WORK TASK: Look through the data below for the line with "#63=IFCINDEXEDPOLYGONALFACE((2,4,8,6));" and the line with "#76=IFCINDEXEDPOLYGONALFACE((1,5,6,2));", then output those two and all lines in between, exactly as written.

(Collected data entries)
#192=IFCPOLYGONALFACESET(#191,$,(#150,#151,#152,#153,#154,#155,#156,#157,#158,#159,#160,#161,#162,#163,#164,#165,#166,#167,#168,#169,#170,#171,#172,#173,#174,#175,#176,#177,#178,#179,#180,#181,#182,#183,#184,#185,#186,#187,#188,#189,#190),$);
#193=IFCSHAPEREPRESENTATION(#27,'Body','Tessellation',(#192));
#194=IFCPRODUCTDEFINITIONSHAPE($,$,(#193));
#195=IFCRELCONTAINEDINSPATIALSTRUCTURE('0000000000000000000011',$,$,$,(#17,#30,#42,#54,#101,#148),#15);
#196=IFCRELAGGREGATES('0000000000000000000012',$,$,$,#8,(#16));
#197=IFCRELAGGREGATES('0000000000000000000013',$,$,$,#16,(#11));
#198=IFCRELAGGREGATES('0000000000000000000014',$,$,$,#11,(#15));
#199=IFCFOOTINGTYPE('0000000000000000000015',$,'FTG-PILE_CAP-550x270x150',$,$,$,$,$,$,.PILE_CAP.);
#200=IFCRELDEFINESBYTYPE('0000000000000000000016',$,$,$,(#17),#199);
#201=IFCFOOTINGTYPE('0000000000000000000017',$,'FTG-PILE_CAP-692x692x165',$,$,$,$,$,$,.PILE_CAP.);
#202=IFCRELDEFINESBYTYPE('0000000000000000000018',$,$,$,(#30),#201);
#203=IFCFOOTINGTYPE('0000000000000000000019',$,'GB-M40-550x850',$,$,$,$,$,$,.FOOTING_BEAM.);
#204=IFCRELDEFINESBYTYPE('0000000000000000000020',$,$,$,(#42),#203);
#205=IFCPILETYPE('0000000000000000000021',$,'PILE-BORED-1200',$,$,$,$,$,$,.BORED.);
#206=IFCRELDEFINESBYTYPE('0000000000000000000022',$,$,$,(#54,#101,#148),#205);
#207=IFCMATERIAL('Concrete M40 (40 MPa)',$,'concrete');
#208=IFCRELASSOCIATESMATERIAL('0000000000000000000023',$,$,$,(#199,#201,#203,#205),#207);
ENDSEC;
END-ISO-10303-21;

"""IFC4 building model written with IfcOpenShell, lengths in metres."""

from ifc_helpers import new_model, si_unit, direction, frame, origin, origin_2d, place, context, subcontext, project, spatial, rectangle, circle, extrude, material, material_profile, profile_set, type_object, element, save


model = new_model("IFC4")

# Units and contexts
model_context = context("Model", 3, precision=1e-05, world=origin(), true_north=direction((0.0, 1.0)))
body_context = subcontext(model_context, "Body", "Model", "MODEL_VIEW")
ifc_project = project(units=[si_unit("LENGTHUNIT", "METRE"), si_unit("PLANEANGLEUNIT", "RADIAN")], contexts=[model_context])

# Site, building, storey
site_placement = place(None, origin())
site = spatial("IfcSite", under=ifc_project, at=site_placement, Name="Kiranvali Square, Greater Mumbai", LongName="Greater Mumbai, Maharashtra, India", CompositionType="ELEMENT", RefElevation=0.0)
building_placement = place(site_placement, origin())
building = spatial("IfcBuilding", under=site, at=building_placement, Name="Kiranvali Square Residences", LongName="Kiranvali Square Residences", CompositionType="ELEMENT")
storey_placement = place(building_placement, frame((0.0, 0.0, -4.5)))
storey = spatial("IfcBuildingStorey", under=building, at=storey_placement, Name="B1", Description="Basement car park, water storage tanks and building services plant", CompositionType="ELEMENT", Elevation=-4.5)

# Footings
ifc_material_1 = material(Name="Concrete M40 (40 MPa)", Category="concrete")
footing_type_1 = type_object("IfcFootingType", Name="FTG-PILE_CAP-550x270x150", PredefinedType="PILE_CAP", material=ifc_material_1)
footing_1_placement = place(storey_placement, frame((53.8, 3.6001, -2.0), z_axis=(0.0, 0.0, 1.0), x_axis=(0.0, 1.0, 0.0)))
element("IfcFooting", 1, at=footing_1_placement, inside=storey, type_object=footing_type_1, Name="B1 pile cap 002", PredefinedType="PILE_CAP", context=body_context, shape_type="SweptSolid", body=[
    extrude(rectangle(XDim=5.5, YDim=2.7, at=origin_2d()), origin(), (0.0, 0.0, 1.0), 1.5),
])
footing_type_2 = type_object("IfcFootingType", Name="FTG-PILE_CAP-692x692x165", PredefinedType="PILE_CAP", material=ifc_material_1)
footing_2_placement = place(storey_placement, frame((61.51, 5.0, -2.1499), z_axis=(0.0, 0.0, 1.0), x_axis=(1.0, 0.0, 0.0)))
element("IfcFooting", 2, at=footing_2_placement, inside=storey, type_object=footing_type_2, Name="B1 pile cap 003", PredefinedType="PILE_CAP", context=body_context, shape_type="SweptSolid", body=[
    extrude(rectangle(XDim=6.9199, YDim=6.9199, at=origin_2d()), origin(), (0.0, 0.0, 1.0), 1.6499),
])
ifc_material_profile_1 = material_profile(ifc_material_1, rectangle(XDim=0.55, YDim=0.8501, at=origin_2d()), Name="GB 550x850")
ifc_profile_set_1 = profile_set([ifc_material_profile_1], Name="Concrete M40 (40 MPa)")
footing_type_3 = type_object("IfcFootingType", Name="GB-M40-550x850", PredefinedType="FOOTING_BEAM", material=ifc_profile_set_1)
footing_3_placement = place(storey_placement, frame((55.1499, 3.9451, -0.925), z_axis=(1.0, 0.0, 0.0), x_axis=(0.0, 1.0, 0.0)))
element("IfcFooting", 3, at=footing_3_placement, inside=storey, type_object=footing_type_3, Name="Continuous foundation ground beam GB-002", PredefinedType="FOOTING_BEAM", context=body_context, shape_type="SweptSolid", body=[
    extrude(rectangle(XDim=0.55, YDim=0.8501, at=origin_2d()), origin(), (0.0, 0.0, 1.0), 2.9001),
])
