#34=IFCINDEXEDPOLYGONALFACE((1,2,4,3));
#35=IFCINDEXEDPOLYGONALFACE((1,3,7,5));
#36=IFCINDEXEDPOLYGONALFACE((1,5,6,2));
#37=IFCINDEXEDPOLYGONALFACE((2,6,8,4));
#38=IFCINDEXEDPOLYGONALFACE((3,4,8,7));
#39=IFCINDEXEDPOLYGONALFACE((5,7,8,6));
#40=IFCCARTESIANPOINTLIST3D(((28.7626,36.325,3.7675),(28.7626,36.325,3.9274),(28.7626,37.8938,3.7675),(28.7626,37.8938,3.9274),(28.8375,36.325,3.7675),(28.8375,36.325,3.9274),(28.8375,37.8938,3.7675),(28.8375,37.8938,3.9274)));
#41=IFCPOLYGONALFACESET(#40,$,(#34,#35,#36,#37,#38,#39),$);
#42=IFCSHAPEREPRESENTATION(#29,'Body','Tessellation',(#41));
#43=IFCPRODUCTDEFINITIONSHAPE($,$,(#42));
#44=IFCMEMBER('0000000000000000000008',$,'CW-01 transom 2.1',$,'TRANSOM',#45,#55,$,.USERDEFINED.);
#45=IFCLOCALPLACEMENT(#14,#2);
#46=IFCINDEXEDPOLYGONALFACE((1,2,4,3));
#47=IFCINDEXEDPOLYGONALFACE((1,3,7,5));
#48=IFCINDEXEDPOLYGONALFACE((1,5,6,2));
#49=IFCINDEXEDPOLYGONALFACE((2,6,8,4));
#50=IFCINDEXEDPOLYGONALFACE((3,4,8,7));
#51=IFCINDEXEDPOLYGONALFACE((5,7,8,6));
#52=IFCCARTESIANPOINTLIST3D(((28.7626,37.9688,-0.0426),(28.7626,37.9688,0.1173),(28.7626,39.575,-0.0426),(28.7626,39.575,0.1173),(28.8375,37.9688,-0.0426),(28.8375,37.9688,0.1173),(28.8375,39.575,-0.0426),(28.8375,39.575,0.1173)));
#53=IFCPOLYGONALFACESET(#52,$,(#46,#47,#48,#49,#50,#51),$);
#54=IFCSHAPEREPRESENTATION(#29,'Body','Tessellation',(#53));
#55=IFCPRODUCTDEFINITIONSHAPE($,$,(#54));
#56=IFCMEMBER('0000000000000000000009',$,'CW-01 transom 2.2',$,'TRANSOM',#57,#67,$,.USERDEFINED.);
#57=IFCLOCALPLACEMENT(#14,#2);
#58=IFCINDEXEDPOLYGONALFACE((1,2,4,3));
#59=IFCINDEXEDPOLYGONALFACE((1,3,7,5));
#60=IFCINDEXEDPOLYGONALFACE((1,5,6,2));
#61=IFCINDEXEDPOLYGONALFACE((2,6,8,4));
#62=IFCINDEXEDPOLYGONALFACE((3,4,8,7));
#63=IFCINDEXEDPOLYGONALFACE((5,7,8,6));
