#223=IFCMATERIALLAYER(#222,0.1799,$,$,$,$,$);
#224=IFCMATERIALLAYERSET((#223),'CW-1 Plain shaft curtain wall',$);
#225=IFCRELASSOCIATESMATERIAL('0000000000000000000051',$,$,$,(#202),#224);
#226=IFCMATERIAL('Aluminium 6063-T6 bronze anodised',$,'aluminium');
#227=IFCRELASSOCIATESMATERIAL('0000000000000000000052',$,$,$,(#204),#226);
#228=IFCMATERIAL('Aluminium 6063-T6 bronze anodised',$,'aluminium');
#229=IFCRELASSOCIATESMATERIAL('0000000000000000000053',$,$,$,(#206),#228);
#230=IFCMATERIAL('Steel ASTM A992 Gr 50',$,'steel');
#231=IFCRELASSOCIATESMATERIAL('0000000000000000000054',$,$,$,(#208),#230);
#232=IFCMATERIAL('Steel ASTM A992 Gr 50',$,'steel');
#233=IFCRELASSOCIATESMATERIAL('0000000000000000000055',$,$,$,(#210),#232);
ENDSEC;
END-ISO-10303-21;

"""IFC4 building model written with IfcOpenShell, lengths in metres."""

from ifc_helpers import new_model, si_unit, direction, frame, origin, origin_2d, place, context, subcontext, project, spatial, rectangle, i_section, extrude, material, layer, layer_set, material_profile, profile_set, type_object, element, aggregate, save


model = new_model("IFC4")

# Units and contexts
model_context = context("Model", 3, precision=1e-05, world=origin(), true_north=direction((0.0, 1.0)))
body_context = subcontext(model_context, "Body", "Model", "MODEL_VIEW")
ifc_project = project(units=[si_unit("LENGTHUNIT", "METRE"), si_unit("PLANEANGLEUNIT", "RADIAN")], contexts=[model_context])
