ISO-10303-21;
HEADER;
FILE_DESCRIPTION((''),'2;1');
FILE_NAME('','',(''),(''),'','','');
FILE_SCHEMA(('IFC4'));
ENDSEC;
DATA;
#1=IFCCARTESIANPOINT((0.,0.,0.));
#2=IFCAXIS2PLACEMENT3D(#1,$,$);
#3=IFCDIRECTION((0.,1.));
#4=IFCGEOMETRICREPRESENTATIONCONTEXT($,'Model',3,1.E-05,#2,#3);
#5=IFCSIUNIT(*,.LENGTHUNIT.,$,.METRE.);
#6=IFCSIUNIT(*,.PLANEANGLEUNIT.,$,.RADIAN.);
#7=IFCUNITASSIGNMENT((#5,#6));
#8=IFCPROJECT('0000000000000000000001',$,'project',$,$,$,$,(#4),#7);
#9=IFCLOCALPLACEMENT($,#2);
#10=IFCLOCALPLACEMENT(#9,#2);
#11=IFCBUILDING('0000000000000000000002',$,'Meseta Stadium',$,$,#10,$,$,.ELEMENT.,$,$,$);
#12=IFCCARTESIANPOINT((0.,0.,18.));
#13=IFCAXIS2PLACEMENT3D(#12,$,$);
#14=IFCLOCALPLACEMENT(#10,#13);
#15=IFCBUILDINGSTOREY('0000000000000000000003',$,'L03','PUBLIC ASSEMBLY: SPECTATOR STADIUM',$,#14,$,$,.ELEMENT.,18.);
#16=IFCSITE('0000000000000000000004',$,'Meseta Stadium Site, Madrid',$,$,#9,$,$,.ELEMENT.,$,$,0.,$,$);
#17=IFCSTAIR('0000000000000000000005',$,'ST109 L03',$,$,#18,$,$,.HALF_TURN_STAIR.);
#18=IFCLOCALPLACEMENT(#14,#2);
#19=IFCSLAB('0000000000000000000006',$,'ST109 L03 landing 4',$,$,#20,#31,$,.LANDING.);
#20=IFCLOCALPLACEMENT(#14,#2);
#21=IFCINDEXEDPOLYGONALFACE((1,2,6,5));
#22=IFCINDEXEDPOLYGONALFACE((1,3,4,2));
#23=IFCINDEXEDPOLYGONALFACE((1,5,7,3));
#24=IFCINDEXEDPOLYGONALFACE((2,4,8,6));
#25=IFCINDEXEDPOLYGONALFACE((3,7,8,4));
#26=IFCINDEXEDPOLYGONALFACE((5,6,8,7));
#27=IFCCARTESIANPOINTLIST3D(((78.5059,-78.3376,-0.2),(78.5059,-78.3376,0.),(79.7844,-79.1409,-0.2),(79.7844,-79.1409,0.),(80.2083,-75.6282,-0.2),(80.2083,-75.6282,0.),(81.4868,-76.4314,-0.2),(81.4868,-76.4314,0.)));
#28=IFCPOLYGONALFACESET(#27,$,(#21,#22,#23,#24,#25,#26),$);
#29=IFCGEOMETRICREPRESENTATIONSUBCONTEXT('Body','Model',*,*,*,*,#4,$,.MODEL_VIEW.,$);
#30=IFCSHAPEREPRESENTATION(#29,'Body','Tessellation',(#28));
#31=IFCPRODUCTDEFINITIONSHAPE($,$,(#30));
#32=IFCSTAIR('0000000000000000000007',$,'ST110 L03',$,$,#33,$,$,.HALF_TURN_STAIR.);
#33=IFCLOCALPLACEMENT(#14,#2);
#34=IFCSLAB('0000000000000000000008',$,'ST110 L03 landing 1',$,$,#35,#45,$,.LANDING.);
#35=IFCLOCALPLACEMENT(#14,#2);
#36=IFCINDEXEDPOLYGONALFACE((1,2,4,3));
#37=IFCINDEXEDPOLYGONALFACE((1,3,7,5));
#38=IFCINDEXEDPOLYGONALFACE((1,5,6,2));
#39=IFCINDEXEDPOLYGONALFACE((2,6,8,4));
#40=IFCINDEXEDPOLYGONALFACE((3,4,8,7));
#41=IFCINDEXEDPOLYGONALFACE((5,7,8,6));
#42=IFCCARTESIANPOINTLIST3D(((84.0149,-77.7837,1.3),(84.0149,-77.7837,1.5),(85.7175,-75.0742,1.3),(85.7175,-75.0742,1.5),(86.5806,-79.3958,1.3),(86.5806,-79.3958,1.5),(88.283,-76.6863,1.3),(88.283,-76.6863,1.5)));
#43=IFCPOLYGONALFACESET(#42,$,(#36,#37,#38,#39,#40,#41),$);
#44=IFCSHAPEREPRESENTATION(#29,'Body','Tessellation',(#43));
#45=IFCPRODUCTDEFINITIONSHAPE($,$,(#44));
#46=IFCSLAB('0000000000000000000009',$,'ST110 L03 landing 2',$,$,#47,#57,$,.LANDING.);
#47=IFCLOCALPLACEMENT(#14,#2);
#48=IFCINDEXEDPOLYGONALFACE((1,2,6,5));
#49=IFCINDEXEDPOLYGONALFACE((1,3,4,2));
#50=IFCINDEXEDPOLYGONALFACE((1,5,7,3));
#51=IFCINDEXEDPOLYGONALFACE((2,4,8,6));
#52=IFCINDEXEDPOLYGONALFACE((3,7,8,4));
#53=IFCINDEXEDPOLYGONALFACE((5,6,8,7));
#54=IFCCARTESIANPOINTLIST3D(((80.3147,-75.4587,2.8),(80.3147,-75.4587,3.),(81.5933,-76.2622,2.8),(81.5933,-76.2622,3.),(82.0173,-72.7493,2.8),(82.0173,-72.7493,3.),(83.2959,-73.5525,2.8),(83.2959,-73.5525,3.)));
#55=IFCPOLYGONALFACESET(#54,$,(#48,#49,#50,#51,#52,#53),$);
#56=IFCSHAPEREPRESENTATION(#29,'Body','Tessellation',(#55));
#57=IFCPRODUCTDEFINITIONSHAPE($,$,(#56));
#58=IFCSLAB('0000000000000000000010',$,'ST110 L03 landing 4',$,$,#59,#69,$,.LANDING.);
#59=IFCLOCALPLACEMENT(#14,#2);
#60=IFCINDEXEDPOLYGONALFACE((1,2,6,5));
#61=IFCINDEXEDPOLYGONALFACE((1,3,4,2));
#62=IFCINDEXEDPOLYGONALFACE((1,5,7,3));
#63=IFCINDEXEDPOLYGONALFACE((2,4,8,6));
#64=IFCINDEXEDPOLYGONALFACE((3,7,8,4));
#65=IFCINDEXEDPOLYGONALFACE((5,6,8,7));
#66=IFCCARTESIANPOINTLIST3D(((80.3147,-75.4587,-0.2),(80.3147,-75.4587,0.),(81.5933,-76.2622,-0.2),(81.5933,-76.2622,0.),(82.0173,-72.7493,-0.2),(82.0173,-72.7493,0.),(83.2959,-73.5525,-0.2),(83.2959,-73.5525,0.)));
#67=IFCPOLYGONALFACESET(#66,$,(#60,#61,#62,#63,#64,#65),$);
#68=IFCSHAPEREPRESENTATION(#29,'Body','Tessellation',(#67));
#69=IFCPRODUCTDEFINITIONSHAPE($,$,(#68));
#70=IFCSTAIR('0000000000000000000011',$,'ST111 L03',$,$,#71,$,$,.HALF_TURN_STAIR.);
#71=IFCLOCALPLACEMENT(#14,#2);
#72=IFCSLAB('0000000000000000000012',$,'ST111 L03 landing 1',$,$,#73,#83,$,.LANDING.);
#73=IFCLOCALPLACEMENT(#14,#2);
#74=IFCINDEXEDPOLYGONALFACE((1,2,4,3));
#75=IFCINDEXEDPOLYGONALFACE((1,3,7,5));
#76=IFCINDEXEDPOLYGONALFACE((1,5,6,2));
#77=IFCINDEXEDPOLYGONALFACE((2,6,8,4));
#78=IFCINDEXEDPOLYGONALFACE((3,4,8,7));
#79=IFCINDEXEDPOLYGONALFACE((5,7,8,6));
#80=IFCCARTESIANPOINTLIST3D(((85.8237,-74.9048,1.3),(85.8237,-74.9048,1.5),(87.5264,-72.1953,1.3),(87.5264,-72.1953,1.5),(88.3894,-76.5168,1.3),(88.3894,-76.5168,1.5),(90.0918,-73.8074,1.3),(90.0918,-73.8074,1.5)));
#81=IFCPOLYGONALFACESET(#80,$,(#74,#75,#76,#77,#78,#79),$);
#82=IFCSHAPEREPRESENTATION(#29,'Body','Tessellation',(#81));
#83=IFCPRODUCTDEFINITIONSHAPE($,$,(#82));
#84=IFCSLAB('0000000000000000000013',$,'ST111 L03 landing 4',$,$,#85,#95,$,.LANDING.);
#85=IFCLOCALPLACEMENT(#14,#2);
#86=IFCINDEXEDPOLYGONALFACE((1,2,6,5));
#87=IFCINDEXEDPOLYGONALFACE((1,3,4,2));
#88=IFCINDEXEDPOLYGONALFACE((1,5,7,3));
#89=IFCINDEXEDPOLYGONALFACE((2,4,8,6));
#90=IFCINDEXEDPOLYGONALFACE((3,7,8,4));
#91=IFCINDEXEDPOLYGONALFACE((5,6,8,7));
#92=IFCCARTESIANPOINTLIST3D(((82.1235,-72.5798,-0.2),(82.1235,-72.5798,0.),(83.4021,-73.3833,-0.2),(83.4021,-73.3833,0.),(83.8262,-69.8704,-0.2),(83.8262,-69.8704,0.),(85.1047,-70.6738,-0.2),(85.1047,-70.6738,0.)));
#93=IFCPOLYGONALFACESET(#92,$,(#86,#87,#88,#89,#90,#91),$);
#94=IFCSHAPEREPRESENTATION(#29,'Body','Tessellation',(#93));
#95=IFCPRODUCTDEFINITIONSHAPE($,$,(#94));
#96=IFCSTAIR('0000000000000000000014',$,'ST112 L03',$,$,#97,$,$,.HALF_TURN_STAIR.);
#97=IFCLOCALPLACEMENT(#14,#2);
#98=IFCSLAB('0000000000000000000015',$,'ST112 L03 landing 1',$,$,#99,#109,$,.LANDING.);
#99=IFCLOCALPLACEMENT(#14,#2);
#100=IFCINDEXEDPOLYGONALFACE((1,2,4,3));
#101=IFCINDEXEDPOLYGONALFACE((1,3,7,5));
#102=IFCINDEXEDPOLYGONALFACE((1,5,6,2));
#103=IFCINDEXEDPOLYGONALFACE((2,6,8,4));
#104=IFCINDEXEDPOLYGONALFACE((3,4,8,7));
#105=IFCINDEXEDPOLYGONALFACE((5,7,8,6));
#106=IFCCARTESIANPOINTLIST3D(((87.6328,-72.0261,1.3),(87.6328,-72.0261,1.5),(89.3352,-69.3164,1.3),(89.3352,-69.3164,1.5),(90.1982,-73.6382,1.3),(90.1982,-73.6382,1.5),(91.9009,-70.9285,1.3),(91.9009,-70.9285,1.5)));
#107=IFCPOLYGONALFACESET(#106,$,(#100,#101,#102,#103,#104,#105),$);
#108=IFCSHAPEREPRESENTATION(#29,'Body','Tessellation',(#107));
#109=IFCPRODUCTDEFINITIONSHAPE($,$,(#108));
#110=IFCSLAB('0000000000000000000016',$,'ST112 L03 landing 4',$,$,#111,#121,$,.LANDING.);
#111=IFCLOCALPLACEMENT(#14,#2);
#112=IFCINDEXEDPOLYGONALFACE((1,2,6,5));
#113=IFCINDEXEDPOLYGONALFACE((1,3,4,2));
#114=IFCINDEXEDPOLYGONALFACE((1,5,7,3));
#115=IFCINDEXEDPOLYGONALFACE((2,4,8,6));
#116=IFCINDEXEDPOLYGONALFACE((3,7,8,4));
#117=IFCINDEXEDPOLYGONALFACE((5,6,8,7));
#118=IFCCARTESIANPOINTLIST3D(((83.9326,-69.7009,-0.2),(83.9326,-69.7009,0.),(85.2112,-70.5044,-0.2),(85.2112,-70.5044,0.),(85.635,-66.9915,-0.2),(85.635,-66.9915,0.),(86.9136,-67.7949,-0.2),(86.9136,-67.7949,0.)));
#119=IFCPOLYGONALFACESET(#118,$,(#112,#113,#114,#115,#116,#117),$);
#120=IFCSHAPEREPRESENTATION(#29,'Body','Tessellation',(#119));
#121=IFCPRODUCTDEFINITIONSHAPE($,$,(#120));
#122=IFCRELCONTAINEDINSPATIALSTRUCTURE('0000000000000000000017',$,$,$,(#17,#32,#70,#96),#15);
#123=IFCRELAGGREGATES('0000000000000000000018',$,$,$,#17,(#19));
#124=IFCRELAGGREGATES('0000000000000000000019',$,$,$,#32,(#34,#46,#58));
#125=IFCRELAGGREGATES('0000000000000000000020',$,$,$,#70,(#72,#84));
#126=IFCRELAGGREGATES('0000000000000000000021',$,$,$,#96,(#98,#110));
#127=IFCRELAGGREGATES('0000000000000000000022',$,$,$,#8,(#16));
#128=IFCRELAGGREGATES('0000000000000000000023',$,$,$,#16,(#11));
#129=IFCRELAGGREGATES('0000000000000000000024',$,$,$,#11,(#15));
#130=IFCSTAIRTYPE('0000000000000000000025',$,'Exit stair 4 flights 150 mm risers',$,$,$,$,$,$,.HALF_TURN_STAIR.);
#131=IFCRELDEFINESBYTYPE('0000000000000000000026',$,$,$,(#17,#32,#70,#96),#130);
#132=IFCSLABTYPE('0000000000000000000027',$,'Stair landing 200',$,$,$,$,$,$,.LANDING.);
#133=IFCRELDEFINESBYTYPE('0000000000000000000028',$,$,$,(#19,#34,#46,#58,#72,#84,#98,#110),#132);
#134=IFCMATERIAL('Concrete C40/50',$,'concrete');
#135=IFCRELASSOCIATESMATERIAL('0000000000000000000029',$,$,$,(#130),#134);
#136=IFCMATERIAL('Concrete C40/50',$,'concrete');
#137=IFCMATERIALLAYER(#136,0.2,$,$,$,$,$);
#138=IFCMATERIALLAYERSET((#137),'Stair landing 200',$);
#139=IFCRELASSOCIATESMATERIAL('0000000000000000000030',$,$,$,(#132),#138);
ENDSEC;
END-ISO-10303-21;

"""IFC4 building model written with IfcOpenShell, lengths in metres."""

from ifc_helpers import new_model, si_unit, direction, frame, origin, place, context, subcontext, project, spatial, polyline, outline, extrude, material, layer, layer_set, type_object, element, aggregate, save


model = new_model("IFC4")

# Units and contexts
model_context = context("Model", 3, precision=1e-05, world=origin(), true_north=direction((0.0, 1.0)))
body_context = subcontext(model_context, "Body", "Model", "MODEL_VIEW")
ifc_project = project(units=[si_unit("LENGTHUNIT", "METRE"), si_unit("PLANEANGLEUNIT", "RADIAN")], contexts=[model_context])

# Site, building, storey
site_placement = place(None, origin())
site = spatial("IfcSite", under=ifc_project, at=site_placement, Name="Meseta Stadium Site, Madrid", CompositionType="ELEMENT", RefElevation=0.0)
building_placement = place(site_placement, origin())
building = spatial("IfcBuilding", under=site, at=building_placement, Name="Meseta Stadium", CompositionType="ELEMENT")
storey_placement = place(building_placement, frame((0.0, 0.0, 18.0)))
storey = spatial("IfcBuildingStorey", under=building, at=storey_placement, Name="L03", Description="PUBLIC ASSEMBLY: SPECTATOR STADIUM", CompositionType="ELEMENT", Elevation=18.0)

# Stairs, slabs
ifc_material_1 = material(Name="Concrete C40/50", Category="concrete")
stair_type = type_object("IfcStairType", Name="Exit stair 4 flights 150 mm risers", PredefinedType="HALF_TURN_STAIR", material=ifc_material_1)
ifc_material_2 = material(Name="Concrete C40/50", Category="concrete")
ifc_layer = layer(ifc_material_2, 0.2)
ifc_layer_set = layer_set([ifc_layer], Name="Stair landing 200")
slab_type = type_object("IfcSlabType", Name="Stair landing 200", PredefinedType="LANDING", material=ifc_layer_set)
stair_1_placement = place(storey_placement, origin())
stair_1 = element("IfcStair", 1, at=stair_1_placement, inside=storey, type_object=stair_type, Name="ST109 L03", PredefinedType="HALF_TURN_STAIR")
slab_1_placement = place(storey_placement, frame((0.0, 0.0, -0.2)))
slab_1 = element("IfcSlab", 2, at=slab_1_placement, type_object=slab_type, Name="ST109 L03 landing 4", PredefinedType="LANDING", context=body_context, shape_type="SweptSolid", body=[
    extrude(outline(polyline([(78.5059, -78.3376), (79.7844, -79.1409), (81.4868, -76.4314), (80.2083, -75.6282), (78.5059, -78.3376)])), origin(), (0.0, 0.0, 1.0), 0.2),
])
aggregate(stair_1, [slab_1])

SOLVED PROBLEM:
#63=IFCINDEXEDPOLYGONALFACE((2,4,8,6));
#64=IFCINDEXEDPOLYGONALFACE((3,7,8,4));
#65=IFCINDEXEDPOLYGONALFACE((5,6,8,7));
#66=IFCCARTESIANPOINTLIST3D(((80.3147,-75.4587,-0.2),(80.3147,-75.4587,0.),(81.5933,-76.2622,-0.2),(81.5933,-76.2622,0.),(82.0173,-72.7493,-0.2),(82.0173,-72.7493,0.),(83.2959,-73.5525,-0.2),(83.2959,-73.5525,0.)));
#67=IFCPOLYGONALFACESET(#66,$,(#60,#61,#62,#63,#64,#65),$);
#68=IFCSHAPEREPRESENTATION(#29,'Body','Tessellation',(#67));
#69=IFCPRODUCTDEFINITIONSHAPE($,$,(#68));
#70=IFCSTAIR('0000000000000000000011',$,'ST111 L03',$,$,#71,$,$,.HALF_TURN_STAIR.);
#71=IFCLOCALPLACEMENT(#14,#2);
#72=IFCSLAB('0000000000000000000012',$,'ST111 L03 landing 1',$,$,#73,#83,$,.LANDING.);
#73=IFCLOCALPLACEMENT(#14,#2);
#74=IFCINDEXEDPOLYGONALFACE((1,2,4,3));
#75=IFCINDEXEDPOLYGONALFACE((1,3,7,5));
#76=IFCINDEXEDPOLYGONALFACE((1,5,6,2));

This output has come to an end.